(Record set)

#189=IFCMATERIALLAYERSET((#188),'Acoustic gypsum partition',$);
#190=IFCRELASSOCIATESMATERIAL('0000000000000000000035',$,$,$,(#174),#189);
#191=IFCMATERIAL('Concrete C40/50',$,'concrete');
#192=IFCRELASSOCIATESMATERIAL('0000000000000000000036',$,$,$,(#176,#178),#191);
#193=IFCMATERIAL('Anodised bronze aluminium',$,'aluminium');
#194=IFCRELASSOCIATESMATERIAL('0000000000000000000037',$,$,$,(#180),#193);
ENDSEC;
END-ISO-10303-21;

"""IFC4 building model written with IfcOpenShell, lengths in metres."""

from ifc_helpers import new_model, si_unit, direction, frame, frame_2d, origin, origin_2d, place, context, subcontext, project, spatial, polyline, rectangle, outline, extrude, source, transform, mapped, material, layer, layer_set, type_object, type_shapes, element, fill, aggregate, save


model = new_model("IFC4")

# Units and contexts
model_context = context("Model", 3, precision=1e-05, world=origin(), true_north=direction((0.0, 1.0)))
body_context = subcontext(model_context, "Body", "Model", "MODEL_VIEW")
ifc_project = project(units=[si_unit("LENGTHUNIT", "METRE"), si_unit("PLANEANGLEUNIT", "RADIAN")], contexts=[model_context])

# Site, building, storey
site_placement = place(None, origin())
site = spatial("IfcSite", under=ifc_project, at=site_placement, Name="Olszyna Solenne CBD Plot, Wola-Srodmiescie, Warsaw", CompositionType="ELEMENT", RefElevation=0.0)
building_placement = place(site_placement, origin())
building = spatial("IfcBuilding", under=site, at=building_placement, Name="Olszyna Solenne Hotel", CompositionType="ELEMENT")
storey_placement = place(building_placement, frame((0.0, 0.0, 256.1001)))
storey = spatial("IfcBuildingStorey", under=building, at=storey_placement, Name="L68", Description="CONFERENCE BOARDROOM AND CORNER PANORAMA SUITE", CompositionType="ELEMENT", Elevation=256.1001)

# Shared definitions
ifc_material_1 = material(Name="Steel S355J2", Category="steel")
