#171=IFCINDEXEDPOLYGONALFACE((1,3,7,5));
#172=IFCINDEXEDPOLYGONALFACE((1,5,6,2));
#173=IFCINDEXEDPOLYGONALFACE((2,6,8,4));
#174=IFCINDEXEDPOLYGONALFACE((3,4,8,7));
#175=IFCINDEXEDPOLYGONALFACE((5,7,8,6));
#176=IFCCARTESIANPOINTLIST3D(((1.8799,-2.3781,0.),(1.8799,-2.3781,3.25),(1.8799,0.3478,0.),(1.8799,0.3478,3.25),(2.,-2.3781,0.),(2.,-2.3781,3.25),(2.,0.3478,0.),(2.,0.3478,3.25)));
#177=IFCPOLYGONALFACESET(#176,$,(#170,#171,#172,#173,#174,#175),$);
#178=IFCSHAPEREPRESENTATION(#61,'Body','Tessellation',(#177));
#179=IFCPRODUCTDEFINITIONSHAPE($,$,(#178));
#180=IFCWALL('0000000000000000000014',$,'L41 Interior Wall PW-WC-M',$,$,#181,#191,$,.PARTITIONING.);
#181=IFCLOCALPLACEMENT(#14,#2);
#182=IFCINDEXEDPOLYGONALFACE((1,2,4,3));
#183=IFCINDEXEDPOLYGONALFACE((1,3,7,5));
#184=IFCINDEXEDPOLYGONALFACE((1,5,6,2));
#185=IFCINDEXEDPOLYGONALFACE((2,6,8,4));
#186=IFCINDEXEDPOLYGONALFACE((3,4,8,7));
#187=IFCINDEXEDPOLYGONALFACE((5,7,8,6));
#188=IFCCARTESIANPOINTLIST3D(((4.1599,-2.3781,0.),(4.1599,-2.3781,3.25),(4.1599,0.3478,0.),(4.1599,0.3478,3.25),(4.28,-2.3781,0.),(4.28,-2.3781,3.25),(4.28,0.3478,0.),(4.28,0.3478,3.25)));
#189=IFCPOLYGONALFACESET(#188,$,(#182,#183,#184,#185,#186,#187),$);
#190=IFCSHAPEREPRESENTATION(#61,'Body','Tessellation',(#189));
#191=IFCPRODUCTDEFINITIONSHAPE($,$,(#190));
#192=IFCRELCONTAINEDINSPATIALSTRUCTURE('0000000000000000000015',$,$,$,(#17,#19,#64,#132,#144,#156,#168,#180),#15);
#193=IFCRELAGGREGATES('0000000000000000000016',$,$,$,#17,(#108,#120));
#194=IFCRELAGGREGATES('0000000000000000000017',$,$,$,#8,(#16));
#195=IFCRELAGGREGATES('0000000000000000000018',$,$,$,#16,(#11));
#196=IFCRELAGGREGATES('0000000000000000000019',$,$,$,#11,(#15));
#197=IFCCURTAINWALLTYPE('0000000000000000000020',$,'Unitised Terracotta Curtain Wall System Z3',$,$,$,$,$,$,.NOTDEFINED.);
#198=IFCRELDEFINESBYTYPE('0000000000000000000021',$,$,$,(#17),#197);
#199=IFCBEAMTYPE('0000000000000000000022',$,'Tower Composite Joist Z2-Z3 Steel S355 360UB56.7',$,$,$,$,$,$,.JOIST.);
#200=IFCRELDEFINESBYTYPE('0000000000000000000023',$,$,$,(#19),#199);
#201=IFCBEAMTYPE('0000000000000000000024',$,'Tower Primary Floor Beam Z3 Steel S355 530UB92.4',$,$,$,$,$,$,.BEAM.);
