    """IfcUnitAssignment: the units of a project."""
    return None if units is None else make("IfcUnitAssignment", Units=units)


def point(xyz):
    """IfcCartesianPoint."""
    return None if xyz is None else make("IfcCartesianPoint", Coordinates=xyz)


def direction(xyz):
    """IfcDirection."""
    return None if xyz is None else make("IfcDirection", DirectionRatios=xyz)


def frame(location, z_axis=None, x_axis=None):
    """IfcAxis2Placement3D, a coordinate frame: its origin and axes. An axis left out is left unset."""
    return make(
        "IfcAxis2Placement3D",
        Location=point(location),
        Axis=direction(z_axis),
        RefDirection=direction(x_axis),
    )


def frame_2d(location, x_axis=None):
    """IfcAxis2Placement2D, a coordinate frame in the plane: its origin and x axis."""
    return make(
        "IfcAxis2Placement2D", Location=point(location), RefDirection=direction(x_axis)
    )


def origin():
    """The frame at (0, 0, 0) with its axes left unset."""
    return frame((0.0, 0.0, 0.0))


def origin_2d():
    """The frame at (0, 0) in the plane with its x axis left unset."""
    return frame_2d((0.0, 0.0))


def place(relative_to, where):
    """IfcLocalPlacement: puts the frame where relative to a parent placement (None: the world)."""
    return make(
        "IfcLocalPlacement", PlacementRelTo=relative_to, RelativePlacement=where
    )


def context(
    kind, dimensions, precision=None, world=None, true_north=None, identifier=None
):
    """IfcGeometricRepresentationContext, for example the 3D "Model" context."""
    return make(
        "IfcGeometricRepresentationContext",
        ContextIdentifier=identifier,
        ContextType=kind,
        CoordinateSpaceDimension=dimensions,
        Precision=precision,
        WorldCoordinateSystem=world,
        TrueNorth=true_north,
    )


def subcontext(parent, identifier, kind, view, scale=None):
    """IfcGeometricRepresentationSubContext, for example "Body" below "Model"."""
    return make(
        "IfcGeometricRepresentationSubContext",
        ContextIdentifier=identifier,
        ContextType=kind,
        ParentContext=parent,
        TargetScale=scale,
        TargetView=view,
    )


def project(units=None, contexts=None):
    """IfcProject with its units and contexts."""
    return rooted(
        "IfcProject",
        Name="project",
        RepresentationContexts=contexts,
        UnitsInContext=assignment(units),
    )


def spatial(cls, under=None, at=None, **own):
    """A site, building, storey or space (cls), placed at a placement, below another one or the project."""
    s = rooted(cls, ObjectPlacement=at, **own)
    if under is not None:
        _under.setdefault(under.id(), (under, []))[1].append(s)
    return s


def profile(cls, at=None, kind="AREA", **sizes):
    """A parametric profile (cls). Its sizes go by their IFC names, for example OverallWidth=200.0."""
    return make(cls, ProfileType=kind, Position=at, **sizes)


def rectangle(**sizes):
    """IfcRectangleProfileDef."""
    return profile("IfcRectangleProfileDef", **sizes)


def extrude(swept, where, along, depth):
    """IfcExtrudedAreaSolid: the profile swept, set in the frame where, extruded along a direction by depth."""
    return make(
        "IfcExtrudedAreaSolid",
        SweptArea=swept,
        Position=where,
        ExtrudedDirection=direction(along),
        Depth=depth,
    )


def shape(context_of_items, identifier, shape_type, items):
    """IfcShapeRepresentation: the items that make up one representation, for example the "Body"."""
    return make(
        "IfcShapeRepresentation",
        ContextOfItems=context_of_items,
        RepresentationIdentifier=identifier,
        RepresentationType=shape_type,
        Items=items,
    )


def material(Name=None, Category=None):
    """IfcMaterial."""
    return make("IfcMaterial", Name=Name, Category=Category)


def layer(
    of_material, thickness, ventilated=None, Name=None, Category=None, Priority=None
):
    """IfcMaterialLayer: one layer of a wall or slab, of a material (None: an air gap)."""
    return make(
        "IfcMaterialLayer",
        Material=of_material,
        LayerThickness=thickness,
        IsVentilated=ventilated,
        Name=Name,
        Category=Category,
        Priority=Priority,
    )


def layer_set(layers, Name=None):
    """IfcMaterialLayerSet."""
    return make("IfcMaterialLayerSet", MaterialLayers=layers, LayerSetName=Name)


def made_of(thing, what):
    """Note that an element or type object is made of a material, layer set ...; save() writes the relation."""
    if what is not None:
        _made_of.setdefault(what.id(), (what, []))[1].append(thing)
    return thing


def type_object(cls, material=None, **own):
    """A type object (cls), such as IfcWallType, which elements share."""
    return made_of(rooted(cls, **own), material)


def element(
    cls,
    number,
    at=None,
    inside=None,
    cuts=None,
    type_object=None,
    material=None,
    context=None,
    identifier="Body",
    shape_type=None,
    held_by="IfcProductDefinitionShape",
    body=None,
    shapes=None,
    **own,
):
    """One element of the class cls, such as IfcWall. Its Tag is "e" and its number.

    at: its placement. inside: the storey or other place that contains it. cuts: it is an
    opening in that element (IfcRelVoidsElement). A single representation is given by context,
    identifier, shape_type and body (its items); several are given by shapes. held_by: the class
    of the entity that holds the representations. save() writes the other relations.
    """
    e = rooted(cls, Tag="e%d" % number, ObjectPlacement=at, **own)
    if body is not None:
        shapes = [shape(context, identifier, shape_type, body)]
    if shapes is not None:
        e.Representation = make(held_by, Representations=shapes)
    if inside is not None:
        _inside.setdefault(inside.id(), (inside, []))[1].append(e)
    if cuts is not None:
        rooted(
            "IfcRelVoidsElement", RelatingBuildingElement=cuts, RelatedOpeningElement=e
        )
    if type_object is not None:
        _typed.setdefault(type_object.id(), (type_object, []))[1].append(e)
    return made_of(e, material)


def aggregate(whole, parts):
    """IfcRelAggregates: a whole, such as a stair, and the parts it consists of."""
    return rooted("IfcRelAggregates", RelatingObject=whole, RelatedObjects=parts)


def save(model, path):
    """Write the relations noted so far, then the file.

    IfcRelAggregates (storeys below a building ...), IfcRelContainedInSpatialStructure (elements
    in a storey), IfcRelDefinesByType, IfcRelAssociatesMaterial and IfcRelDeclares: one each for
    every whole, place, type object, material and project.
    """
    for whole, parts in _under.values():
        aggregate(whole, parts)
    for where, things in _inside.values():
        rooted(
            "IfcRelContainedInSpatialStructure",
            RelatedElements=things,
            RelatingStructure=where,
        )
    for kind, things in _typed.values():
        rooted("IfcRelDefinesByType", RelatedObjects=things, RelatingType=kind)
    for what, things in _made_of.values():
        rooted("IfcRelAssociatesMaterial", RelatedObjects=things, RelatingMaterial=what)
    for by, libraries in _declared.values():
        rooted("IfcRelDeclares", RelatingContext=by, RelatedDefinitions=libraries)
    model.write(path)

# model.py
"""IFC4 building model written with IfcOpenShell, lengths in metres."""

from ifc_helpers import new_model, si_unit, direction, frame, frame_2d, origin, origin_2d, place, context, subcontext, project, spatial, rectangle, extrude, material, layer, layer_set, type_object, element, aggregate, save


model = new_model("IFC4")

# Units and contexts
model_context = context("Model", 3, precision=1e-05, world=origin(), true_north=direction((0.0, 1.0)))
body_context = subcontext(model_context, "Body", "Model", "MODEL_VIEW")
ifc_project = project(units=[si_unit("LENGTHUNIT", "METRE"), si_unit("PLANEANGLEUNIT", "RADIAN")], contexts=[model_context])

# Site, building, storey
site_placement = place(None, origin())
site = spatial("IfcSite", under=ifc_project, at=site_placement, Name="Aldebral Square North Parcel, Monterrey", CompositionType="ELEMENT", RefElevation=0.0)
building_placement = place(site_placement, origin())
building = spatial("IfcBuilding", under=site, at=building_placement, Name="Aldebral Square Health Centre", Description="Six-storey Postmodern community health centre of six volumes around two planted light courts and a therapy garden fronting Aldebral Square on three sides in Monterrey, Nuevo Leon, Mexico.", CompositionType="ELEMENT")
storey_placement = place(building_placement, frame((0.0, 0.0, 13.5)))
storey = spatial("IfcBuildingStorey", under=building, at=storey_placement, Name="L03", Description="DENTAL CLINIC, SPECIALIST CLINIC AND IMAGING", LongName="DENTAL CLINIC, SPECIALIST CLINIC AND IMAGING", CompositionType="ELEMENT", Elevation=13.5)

(End Record set)

Task directions - The first line of the records begins the span, and the line containing "#193=IFCMATERIAL('Anodised bronze aluminium',$,'aluminium');" ends it. Reproduce that span exactly, both ends included.

Expected output -
#189=IFCMATERIALLAYERSET((#188),'Acoustic gypsum partition',$);
#190=IFCRELASSOCIATESMATERIAL('0000000000000000000035',$,$,$,(#174),#189);
#191=IFCMATERIAL('Concrete C40/50',$,'concrete');
#192=IFCRELASSOCIATESMATERIAL('0000000000000000000036',$,$,$,(#176,#178),#191);
#193=IFCMATERIAL('Anodised bronze aluminium',$,'aluminium');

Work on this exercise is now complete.